### WORK REQUEST
Below are the entries. Transcribe exactly the lines from the one with "#161=IFCPRODUCTDEFINITIONSHAPE($,$,(#160));" through the one with "spandrel beam 250x450',$,$,$,$,$,.SPANDREL.);", ends included, and leave out all others.
========================================================================
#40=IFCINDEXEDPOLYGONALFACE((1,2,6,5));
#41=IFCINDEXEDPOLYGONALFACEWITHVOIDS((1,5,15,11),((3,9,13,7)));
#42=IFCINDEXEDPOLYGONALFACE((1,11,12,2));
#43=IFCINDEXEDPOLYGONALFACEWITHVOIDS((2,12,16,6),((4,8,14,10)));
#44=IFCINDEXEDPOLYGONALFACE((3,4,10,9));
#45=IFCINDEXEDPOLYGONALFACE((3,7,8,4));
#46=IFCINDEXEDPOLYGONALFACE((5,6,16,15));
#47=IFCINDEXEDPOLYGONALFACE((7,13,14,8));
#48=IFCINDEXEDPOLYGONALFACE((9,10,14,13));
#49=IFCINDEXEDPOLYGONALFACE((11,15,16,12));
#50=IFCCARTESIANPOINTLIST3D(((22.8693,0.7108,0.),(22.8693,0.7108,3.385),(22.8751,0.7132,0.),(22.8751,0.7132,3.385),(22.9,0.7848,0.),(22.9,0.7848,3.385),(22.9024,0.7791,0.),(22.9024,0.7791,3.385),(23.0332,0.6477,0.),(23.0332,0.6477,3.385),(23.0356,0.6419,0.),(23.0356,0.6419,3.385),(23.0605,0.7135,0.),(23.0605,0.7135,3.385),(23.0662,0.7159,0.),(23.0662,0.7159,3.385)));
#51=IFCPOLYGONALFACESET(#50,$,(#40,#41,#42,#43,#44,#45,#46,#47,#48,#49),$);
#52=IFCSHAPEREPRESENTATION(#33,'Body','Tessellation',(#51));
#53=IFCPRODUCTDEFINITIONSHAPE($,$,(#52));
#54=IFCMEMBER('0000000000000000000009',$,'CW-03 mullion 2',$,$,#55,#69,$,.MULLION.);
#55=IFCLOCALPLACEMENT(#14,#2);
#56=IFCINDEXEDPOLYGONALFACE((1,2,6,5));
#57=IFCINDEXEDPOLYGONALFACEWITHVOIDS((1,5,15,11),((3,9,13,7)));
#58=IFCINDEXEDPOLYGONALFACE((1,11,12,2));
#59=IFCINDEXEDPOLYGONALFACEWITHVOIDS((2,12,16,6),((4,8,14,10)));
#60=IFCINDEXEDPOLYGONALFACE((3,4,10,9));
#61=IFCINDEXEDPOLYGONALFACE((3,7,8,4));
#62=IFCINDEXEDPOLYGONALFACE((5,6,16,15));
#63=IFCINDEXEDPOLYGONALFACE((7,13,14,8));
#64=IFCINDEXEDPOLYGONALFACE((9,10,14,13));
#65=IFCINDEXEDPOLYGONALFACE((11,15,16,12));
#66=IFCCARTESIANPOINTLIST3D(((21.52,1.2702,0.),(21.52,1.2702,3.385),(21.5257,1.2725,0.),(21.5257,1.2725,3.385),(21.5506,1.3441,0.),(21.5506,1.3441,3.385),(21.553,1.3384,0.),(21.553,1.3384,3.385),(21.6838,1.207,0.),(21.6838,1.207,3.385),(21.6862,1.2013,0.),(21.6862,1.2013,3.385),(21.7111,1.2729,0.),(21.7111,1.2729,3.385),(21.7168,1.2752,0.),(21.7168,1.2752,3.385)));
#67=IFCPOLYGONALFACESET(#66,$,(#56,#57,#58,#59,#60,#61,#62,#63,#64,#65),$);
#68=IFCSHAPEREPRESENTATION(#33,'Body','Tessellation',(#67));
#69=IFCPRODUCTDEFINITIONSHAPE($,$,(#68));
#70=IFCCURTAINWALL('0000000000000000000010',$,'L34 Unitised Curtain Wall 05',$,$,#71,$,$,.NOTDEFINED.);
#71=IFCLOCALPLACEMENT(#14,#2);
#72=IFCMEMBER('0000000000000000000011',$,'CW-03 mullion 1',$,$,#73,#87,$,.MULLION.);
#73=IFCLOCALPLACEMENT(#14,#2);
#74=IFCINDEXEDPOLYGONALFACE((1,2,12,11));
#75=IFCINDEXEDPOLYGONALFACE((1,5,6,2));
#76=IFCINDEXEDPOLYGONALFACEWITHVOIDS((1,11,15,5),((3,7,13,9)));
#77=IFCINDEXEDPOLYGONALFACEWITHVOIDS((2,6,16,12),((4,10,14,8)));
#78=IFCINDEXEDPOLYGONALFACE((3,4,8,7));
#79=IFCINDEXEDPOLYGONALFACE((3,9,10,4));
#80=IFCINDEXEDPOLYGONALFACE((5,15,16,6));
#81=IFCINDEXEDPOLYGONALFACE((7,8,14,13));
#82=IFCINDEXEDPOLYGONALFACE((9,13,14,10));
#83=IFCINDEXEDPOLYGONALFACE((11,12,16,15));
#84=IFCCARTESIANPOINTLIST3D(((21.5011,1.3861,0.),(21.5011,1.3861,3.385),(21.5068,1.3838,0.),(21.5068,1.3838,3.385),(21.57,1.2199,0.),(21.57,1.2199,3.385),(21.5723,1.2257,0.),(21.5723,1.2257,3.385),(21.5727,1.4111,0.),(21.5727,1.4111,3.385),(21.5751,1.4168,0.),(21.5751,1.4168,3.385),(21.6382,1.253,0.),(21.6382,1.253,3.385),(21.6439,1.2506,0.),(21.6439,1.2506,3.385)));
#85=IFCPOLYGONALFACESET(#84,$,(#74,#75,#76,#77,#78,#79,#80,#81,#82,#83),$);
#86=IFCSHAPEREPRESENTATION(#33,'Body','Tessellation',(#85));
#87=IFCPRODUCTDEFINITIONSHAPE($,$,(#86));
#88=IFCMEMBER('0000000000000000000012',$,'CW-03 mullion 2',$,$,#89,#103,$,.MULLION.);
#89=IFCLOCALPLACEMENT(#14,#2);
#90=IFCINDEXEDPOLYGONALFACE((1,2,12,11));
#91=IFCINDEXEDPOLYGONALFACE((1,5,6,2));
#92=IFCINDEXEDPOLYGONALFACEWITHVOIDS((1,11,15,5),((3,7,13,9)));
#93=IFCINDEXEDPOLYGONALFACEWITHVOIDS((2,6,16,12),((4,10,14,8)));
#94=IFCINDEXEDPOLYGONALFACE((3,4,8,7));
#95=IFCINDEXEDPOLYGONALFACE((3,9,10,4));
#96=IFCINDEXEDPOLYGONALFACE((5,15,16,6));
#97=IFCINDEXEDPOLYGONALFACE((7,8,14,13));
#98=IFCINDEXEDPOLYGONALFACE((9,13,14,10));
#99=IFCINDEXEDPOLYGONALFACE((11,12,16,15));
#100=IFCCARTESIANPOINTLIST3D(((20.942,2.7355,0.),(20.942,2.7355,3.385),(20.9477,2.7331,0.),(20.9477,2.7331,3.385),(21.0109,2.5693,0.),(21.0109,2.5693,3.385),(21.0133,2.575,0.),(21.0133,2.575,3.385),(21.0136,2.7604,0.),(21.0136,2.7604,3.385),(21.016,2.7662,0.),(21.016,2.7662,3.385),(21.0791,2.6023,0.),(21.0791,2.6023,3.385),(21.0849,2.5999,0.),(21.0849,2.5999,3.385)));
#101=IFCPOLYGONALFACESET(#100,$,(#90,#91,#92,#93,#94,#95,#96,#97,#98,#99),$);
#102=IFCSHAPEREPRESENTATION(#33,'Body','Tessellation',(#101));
========================================================================
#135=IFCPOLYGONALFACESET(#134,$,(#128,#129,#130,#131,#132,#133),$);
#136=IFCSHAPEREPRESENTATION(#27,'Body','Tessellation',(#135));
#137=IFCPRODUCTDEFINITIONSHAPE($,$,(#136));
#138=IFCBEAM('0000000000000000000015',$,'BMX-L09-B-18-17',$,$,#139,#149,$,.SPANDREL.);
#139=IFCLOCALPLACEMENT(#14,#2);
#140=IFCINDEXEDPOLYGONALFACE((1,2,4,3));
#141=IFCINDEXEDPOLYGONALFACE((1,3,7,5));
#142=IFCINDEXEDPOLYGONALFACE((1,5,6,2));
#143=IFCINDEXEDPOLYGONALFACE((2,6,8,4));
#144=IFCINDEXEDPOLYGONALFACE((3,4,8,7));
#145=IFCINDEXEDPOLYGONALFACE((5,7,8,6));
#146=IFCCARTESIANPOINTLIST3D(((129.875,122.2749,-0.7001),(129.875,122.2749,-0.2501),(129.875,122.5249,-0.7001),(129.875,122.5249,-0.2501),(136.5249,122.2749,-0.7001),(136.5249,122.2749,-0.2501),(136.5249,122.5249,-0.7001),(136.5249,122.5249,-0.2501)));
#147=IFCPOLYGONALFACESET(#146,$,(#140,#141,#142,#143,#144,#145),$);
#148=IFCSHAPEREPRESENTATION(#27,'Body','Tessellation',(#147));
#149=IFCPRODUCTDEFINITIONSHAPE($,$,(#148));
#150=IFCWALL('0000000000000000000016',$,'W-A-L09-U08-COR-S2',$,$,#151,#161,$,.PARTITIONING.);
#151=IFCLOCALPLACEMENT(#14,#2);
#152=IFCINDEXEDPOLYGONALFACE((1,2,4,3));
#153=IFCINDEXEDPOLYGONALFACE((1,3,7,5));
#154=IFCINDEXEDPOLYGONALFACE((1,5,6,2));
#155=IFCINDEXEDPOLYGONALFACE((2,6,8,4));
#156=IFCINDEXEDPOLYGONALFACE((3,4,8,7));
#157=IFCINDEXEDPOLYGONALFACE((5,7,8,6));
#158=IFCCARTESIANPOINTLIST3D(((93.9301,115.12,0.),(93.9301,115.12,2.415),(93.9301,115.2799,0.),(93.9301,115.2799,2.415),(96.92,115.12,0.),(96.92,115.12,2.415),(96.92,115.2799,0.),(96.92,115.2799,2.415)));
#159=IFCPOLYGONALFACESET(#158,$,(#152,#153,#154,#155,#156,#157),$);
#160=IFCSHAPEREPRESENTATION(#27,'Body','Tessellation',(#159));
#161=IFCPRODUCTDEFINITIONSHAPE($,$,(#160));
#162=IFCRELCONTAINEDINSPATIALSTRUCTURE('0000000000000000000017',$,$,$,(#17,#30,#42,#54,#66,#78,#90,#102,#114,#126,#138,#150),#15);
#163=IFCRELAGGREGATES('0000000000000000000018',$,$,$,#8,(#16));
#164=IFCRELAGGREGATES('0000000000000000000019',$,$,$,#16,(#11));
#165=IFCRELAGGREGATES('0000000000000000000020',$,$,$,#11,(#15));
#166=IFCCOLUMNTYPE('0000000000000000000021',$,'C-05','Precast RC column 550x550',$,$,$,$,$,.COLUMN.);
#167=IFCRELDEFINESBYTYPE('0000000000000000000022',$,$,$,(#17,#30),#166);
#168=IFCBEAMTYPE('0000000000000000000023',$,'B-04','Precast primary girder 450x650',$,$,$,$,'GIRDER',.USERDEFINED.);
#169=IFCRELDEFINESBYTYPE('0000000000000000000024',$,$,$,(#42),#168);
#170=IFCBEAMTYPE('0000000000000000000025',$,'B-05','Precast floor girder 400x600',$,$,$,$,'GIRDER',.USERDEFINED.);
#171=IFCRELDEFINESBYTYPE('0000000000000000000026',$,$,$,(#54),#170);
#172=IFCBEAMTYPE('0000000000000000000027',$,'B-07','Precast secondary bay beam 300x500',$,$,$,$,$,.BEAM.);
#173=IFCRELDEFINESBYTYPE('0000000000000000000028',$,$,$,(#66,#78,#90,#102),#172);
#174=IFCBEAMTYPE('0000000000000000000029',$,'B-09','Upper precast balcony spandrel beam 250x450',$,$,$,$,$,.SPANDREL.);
========================================================================
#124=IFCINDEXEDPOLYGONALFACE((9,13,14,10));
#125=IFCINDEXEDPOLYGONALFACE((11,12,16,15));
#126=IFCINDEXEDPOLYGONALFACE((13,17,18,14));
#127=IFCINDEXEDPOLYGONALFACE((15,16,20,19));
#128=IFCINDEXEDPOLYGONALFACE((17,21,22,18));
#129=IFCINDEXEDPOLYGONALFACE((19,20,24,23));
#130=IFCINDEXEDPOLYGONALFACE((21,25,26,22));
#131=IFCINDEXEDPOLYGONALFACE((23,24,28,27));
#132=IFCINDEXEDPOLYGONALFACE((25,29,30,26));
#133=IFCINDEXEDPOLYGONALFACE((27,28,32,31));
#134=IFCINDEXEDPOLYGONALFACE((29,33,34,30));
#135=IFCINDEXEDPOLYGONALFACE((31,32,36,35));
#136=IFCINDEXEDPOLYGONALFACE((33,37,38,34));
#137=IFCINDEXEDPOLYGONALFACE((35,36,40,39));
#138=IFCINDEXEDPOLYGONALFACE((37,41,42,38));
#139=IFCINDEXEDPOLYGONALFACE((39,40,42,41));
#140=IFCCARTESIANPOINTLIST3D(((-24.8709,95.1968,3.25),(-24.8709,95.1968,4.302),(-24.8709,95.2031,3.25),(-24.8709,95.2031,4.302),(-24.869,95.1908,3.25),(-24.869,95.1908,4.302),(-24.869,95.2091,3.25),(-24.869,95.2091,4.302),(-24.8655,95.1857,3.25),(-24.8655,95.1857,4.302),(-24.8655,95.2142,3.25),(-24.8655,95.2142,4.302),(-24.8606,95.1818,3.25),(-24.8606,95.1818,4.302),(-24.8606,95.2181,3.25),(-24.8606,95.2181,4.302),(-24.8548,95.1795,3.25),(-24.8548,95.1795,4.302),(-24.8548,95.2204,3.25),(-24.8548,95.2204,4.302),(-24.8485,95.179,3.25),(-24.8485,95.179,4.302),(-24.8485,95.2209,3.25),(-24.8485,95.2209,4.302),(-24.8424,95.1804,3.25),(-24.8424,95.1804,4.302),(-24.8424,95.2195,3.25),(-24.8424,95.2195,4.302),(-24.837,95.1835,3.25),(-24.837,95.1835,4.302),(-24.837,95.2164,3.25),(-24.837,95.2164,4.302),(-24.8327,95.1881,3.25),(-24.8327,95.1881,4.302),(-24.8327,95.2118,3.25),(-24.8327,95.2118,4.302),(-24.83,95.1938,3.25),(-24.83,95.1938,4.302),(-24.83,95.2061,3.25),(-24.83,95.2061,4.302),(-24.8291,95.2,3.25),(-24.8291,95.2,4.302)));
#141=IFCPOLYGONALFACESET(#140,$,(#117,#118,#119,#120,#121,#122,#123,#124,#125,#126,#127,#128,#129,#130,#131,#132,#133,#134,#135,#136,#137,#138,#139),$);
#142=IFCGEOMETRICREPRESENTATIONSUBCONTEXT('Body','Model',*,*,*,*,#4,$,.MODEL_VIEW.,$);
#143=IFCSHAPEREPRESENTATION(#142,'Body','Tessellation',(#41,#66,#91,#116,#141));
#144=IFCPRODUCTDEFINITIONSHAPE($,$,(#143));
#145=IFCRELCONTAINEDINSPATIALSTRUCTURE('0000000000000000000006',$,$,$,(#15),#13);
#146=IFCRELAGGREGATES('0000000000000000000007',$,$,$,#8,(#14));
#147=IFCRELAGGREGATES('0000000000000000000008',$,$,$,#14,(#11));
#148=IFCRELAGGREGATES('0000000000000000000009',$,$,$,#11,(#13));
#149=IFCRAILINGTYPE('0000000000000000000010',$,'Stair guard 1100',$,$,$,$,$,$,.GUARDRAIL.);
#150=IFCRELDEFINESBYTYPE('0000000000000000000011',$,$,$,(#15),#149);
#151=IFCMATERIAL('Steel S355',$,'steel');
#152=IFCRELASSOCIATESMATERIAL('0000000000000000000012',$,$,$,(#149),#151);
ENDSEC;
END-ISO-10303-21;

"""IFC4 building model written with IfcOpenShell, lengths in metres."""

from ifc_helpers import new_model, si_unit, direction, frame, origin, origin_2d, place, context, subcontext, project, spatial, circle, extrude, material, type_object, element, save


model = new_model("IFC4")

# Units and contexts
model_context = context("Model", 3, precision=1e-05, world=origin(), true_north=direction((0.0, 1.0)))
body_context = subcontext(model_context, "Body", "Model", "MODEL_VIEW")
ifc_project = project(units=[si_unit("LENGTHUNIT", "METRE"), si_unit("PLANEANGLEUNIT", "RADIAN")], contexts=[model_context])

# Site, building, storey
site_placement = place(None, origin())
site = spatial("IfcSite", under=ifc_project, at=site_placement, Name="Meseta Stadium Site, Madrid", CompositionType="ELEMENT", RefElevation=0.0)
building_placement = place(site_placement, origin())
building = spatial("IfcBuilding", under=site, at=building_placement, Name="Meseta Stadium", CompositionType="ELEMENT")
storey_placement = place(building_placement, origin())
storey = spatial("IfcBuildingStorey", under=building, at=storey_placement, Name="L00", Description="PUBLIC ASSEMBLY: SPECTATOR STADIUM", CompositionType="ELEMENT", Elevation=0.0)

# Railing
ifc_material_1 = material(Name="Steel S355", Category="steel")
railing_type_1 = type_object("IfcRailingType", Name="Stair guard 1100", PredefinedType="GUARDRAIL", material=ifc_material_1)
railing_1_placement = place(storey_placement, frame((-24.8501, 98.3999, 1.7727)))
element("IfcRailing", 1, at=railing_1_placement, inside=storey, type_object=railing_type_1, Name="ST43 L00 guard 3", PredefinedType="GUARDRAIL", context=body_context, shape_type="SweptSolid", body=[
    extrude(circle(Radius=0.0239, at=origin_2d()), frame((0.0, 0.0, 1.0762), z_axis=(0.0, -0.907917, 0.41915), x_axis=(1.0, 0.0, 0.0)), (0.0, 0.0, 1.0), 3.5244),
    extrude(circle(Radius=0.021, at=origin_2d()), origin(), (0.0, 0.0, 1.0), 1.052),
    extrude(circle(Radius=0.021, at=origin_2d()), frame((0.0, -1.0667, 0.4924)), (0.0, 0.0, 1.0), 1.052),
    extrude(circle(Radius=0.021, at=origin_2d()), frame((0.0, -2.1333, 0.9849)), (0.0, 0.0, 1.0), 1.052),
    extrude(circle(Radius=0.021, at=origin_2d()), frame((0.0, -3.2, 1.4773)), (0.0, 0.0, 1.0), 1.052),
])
========================================================================
### RESULT BELOW
#161=IFCPRODUCTDEFINITIONSHAPE($,$,(#160));
#162=IFCRELCONTAINEDINSPATIALSTRUCTURE('0000000000000000000017',$,$,$,(#17,#30,#42,#54,#66,#78,#90,#102,#114,#126,#138,#150),#15);
#163=IFCRELAGGREGATES('0000000000000000000018',$,$,$,#8,(#16));
#164=IFCRELAGGREGATES('0000000000000000000019',$,$,$,#16,(#11));
#165=IFCRELAGGREGATES('0000000000000000000020',$,$,$,#11,(#15));
#166=IFCCOLUMNTYPE('0000000000000000000021',$,'C-05','Precast RC column 550x550',$,$,$,$,$,.COLUMN.);
#167=IFCRELDEFINESBYTYPE('0000000000000000000022',$,$,$,(#17,#30),#166);
#168=IFCBEAMTYPE('0000000000000000000023',$,'B-04','Precast primary girder 450x650',$,$,$,$,'GIRDER',.USERDEFINED.);
#169=IFCRELDEFINESBYTYPE('0000000000000000000024',$,$,$,(#42),#168);
#170=IFCBEAMTYPE('0000000000000000000025',$,'B-05','Precast floor girder 400x600',$,$,$,$,'GIRDER',.USERDEFINED.);
#171=IFCRELDEFINESBYTYPE('0000000000000000000026',$,$,$,(#54),#170);
#172=IFCBEAMTYPE('0000000000000000000027',$,'B-07','Precast secondary bay beam 300x500',$,$,$,$,$,.BEAM.);
#173=IFCRELDEFINESBYTYPE('0000000000000000000028',$,$,$,(#66,#78,#90,#102),#172);
#174=IFCBEAMTYPE('0000000000000000000029',$,'B-09','Upper precast balcony spandrel beam 250x450',$,$,$,$,$,.SPANDREL.);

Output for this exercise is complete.